**EXERCISE DESCRIPTION:** Look through the data below and extract, unchanged, the lines from the one that contains "#192=IFCMATERIALLAYERSET((#191),'Concrete C40',$);" to the one that contains "building model written", both included.

**DATA EXTRACTS:**
--*--

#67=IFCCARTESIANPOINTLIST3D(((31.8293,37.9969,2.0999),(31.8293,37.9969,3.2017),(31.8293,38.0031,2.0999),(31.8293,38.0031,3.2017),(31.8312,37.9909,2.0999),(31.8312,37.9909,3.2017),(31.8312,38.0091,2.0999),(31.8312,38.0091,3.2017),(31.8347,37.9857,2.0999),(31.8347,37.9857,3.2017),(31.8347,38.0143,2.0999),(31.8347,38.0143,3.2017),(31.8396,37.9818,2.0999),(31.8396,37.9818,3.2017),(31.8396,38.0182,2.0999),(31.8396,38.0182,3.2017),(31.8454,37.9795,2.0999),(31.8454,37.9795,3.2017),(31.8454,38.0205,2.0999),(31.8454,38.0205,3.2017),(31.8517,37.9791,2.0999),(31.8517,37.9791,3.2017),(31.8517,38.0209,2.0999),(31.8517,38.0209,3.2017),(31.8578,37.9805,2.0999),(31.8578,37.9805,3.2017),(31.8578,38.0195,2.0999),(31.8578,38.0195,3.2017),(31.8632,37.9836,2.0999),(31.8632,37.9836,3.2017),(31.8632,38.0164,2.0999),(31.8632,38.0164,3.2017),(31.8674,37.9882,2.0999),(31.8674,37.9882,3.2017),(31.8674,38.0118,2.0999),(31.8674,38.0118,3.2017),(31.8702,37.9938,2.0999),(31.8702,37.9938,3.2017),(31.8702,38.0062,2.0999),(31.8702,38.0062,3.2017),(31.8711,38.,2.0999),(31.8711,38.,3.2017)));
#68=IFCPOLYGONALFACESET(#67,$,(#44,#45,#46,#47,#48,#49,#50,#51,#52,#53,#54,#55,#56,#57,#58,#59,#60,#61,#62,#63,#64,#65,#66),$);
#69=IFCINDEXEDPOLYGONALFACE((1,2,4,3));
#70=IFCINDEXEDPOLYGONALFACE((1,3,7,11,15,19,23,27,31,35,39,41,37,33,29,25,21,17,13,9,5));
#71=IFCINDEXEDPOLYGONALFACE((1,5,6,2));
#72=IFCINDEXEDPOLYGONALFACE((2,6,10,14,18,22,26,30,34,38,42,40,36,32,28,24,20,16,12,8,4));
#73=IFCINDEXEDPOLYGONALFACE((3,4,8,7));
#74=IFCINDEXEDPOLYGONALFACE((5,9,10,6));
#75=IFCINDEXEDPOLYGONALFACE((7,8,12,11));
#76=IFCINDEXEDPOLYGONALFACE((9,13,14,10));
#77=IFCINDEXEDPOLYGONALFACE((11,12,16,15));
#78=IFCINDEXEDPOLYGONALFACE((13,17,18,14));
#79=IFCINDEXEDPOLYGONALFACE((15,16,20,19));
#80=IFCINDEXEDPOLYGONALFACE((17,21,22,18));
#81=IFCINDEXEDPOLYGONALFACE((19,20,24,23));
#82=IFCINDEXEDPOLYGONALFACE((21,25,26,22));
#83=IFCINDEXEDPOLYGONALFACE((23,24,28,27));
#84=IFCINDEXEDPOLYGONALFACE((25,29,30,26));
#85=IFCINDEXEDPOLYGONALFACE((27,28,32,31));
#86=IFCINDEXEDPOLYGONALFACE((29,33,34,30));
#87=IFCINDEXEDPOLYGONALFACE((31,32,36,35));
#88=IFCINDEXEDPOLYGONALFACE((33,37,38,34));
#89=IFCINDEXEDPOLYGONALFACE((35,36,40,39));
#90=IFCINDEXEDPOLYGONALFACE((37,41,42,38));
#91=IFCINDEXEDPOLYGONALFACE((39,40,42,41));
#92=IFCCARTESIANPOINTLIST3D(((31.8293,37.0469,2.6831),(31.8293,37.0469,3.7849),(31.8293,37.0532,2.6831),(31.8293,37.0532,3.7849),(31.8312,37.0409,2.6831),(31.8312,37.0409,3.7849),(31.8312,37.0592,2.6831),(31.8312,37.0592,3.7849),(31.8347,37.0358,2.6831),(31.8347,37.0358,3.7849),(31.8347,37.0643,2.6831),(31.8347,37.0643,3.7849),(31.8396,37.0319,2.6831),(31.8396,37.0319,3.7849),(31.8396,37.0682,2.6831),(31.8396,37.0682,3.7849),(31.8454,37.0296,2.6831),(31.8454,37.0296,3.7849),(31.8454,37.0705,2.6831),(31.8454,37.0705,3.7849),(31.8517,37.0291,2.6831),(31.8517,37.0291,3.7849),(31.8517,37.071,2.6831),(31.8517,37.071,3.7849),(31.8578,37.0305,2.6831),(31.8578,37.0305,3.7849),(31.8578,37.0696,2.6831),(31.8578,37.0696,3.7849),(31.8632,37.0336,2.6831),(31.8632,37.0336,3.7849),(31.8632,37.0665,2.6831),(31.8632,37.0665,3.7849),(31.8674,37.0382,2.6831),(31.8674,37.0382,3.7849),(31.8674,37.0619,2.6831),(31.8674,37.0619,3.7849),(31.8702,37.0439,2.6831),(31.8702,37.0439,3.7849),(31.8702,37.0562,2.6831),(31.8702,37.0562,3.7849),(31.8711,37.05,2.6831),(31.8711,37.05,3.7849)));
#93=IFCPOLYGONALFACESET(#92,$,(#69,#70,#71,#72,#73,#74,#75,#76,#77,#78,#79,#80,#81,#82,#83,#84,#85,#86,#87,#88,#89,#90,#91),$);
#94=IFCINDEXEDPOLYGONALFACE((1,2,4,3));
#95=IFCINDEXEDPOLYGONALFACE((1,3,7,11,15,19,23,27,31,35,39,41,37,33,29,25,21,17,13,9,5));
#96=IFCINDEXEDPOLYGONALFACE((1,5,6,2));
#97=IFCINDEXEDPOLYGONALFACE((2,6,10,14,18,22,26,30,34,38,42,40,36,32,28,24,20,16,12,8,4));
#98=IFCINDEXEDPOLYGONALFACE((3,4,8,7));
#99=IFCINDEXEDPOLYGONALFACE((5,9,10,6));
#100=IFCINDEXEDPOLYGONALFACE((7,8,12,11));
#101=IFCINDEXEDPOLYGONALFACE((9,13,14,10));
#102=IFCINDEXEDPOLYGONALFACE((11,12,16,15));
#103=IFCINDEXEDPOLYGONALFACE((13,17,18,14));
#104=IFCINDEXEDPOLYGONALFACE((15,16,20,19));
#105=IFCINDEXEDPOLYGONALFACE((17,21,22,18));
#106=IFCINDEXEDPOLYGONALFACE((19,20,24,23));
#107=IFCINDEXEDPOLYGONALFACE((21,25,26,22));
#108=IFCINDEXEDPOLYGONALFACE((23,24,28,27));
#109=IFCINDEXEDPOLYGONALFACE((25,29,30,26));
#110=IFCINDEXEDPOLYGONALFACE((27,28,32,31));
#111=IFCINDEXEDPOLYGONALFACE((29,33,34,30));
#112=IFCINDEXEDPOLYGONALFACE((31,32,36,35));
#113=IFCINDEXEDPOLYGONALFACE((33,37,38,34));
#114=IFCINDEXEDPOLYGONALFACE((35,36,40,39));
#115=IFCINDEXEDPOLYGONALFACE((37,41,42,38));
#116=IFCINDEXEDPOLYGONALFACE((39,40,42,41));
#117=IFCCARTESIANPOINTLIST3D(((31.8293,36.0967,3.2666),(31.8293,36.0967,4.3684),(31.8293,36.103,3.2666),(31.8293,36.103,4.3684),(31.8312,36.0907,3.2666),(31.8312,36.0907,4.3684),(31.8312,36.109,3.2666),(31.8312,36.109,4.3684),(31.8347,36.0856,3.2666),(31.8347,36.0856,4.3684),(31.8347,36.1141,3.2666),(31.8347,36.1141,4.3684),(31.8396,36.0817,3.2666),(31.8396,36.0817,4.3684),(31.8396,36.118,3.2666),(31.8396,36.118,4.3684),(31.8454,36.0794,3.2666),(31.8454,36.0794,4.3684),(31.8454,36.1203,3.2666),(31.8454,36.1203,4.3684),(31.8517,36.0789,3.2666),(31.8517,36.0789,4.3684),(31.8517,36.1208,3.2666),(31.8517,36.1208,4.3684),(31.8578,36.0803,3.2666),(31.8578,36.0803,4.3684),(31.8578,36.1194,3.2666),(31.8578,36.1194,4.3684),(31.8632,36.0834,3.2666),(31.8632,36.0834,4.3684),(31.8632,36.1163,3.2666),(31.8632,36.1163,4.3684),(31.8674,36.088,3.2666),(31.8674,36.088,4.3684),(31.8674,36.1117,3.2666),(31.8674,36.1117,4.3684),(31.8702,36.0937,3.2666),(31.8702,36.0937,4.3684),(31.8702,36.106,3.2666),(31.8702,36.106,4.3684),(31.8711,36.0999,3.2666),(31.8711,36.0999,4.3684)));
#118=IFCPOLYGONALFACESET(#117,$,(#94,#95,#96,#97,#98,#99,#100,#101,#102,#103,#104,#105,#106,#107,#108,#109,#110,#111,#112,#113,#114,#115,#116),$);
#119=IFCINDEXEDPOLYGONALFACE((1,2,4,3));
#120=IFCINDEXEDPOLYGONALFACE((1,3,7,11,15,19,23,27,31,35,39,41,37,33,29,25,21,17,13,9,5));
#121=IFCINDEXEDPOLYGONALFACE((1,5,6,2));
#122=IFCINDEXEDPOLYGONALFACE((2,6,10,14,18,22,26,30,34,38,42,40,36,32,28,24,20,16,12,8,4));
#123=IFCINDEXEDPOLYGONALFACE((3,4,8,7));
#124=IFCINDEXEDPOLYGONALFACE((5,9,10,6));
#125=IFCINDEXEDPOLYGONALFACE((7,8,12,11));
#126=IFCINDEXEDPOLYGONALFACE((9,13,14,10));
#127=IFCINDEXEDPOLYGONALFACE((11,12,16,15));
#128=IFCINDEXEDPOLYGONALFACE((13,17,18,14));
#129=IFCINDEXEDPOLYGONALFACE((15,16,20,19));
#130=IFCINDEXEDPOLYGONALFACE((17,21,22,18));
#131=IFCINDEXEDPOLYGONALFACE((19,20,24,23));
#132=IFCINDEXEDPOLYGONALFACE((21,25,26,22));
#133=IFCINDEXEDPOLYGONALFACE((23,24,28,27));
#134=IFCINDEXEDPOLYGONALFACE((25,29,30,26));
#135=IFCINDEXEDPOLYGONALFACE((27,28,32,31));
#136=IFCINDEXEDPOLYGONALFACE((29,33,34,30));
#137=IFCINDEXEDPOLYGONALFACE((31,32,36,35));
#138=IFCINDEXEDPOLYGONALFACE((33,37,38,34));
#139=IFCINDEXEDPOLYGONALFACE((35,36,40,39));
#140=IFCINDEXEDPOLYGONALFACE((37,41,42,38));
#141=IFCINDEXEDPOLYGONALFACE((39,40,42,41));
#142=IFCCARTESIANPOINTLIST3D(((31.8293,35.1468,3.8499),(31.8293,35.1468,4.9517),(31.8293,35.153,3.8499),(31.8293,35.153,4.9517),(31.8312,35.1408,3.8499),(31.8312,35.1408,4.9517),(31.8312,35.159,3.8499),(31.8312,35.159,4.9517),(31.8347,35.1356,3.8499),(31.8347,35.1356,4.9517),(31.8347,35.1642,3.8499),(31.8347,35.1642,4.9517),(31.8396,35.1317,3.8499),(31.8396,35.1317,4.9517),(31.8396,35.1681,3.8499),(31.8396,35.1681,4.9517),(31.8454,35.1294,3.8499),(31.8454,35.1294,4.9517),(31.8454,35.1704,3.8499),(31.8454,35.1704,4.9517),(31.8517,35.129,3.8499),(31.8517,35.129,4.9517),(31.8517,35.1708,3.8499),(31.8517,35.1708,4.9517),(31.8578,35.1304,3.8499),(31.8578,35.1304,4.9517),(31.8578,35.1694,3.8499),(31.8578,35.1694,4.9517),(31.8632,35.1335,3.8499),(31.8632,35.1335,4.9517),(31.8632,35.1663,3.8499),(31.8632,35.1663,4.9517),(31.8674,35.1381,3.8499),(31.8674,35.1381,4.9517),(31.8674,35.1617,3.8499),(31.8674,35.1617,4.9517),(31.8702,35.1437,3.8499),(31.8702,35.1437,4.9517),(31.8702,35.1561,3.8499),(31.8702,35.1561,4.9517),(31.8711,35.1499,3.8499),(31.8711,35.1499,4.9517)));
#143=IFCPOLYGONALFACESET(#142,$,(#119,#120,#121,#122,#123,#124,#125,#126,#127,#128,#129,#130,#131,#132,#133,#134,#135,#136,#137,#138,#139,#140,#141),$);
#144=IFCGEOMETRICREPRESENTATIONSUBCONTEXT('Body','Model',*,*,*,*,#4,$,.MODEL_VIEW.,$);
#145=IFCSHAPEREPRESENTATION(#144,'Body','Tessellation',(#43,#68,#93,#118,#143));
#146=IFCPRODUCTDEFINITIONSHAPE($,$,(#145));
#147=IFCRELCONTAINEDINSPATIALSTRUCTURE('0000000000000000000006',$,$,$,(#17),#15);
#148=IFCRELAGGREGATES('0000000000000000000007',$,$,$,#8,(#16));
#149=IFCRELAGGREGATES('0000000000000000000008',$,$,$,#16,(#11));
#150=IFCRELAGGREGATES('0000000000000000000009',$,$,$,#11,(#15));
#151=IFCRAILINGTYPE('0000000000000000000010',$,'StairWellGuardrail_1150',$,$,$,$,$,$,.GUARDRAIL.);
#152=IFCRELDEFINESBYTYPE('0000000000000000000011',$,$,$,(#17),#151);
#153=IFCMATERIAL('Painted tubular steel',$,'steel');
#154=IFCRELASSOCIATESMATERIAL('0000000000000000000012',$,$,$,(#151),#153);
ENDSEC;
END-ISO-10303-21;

--*--

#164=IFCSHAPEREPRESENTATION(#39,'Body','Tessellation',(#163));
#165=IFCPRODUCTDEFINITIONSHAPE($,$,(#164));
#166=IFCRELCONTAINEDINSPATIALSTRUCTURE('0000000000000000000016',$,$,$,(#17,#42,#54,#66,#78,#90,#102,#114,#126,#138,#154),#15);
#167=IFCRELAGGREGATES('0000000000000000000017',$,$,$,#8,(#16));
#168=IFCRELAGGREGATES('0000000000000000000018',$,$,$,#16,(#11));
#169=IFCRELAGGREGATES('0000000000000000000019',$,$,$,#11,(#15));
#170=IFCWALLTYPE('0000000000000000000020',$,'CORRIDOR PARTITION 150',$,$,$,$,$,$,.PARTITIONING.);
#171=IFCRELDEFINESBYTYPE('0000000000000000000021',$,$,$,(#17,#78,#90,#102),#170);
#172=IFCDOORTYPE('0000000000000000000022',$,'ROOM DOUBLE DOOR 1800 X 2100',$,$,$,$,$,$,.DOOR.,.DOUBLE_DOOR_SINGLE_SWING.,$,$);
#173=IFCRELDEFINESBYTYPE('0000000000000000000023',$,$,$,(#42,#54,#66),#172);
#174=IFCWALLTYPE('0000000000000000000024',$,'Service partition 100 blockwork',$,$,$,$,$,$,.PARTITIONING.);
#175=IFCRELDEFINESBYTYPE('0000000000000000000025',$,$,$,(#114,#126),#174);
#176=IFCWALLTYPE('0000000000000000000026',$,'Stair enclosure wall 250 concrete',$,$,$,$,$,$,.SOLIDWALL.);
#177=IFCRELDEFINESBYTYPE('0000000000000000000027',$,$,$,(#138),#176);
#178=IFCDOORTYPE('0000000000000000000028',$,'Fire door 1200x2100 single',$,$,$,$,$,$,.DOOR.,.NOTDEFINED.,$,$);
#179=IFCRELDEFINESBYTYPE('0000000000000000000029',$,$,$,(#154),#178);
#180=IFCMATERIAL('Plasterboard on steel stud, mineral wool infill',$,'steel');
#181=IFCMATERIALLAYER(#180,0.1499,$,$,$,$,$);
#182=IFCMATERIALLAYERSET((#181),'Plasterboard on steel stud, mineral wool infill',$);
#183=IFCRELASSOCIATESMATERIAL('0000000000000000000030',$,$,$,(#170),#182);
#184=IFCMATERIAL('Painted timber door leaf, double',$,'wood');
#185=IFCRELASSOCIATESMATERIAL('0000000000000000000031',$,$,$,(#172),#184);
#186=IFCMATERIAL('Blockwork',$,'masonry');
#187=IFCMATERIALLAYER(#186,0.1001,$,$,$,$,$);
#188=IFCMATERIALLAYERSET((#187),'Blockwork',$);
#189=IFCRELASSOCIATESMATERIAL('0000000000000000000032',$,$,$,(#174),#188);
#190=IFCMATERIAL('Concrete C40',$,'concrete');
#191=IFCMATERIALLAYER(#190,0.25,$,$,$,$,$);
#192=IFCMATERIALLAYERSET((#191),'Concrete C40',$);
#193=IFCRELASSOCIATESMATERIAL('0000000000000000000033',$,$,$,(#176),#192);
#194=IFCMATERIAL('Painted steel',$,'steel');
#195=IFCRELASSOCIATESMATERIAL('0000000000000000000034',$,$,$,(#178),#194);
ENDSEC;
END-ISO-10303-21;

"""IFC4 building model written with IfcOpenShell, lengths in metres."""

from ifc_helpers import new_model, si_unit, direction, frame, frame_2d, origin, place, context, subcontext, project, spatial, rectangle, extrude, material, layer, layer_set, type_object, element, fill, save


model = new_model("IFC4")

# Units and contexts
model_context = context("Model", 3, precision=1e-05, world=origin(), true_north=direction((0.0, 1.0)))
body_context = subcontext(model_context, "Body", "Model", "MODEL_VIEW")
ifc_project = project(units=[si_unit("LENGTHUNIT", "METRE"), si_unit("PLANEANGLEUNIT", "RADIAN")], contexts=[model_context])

--*--

**SOLUTION FOR THIS TASK:**
#192=IFCMATERIALLAYERSET((#191),'Concrete C40',$);
#193=IFCRELASSOCIATESMATERIAL('0000000000000000000033',$,$,$,(#176),#192);
#194=IFCMATERIAL('Painted steel',$,'steel');
#195=IFCRELASSOCIATESMATERIAL('0000000000000000000034',$,$,$,(#178),#194);
ENDSEC;
END-ISO-10303-21;

"""IFC4 building model written with IfcOpenShell, lengths in metres."""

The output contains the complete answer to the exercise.